--- Your instructions ---
Starting at the line below holding "#128=IFCINDEXEDPOLYGONALFACE((13,17,18,14));" and stopping at the line holding "#141=IFCINDEXEDPOLYGONALFACE((39,40,42,41));", print every line exactly, both ends included, and leave the rest out.

[Stored data entries]
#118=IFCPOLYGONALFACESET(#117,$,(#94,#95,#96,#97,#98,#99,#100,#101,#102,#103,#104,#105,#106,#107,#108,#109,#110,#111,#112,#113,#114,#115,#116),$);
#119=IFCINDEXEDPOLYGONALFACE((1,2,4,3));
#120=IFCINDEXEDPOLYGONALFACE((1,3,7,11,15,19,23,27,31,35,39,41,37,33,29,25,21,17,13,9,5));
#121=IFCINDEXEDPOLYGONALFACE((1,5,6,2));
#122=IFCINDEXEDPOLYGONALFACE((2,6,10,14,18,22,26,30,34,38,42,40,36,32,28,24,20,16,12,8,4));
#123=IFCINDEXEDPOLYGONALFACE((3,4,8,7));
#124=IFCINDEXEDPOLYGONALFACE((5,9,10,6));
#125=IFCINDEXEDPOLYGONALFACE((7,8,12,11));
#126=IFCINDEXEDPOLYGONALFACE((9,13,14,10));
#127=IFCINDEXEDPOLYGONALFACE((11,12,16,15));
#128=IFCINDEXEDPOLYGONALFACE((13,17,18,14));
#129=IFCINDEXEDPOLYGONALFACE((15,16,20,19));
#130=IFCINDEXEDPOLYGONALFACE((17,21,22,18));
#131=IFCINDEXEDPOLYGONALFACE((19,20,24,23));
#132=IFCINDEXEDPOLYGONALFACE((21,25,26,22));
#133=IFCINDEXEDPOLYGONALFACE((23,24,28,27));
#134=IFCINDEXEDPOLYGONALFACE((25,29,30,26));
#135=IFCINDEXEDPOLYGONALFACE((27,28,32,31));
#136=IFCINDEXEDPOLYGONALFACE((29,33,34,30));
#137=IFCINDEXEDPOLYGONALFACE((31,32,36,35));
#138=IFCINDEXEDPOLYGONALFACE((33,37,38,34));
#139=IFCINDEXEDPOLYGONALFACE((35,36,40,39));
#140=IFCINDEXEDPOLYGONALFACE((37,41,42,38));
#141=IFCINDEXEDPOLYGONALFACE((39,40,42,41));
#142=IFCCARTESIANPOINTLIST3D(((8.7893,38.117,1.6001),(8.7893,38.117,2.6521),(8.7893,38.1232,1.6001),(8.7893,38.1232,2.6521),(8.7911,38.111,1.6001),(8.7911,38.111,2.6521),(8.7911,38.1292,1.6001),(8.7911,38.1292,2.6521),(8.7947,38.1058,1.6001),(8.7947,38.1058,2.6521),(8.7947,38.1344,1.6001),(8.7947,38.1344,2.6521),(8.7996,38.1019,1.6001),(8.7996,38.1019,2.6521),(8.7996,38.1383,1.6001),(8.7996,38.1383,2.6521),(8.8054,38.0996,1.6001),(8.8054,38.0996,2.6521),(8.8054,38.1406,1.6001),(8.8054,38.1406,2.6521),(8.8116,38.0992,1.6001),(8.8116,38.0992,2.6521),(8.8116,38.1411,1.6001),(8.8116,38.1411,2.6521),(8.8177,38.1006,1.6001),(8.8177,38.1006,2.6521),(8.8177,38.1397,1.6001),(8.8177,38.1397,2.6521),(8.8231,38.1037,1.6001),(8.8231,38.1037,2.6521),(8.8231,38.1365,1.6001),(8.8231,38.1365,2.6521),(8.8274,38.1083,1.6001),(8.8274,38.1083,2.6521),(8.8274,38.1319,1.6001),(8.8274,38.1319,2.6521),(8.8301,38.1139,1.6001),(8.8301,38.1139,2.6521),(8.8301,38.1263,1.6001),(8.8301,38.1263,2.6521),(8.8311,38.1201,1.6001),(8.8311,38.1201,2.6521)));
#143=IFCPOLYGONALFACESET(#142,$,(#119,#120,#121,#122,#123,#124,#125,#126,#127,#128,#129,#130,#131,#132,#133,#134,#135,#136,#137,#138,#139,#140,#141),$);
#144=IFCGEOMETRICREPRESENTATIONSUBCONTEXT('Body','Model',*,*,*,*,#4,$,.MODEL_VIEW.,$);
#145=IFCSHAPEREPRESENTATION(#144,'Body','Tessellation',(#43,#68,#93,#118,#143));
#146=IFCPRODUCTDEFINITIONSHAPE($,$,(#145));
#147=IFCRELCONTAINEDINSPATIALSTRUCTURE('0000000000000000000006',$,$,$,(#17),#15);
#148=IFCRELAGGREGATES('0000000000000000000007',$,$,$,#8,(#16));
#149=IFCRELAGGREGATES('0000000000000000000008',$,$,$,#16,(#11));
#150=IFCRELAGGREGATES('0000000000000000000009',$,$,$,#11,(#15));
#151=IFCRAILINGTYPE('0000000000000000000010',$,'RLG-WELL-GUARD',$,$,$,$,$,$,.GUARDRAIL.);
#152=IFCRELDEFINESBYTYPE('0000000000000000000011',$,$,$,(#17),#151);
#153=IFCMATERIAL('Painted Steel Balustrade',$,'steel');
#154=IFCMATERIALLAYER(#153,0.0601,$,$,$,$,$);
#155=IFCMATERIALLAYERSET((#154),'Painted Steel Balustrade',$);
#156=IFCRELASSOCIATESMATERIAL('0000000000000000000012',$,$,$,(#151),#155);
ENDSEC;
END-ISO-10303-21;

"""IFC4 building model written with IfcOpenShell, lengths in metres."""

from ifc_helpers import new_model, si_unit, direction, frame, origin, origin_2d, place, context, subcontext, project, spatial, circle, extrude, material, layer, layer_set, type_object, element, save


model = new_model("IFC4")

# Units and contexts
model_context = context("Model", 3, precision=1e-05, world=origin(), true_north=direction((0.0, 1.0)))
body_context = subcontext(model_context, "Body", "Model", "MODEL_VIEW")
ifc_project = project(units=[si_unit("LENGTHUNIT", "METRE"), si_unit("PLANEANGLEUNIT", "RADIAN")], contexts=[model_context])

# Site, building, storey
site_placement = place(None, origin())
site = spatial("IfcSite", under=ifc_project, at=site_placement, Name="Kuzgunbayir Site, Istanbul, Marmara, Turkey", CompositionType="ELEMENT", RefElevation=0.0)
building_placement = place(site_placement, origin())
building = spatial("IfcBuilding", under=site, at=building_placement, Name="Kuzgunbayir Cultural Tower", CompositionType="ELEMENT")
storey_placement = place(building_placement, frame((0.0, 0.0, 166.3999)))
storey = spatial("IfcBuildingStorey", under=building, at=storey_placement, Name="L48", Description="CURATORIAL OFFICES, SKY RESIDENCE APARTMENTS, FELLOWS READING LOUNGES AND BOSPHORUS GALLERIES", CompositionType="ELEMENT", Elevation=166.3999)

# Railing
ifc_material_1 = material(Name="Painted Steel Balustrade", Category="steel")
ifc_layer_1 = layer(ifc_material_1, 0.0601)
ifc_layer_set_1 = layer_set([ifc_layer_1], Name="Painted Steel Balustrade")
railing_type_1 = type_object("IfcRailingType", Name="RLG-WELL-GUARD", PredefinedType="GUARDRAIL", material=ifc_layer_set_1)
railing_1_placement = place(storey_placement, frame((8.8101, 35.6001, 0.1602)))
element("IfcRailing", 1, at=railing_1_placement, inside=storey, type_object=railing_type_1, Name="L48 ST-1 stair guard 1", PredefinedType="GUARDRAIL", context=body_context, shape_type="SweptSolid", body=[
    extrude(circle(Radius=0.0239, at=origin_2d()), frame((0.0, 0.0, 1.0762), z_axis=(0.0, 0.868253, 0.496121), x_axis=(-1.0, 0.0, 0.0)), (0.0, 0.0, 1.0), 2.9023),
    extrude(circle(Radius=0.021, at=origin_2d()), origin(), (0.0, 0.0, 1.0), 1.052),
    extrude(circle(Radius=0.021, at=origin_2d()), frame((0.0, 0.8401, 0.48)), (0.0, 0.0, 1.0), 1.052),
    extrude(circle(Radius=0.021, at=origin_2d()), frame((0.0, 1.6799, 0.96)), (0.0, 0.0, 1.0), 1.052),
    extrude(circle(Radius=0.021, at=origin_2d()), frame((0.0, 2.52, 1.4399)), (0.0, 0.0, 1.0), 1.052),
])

--- Answer section ---
#128=IFCINDEXEDPOLYGONALFACE((13,17,18,14));
#129=IFCINDEXEDPOLYGONALFACE((15,16,20,19));
#130=IFCINDEXEDPOLYGONALFACE((17,21,22,18));
#131=IFCINDEXEDPOLYGONALFACE((19,20,24,23));
#132=IFCINDEXEDPOLYGONALFACE((21,25,26,22));
#133=IFCINDEXEDPOLYGONALFACE((23,24,28,27));
#134=IFCINDEXEDPOLYGONALFACE((25,29,30,26));
#135=IFCINDEXEDPOLYGONALFACE((27,28,32,31));
#136=IFCINDEXEDPOLYGONALFACE((29,33,34,30));
#137=IFCINDEXEDPOLYGONALFACE((31,32,36,35));
#138=IFCINDEXEDPOLYGONALFACE((33,37,38,34));
#139=IFCINDEXEDPOLYGONALFACE((35,36,40,39));
#140=IFCINDEXEDPOLYGONALFACE((37,41,42,38));
#141=IFCINDEXEDPOLYGONALFACE((39,40,42,41));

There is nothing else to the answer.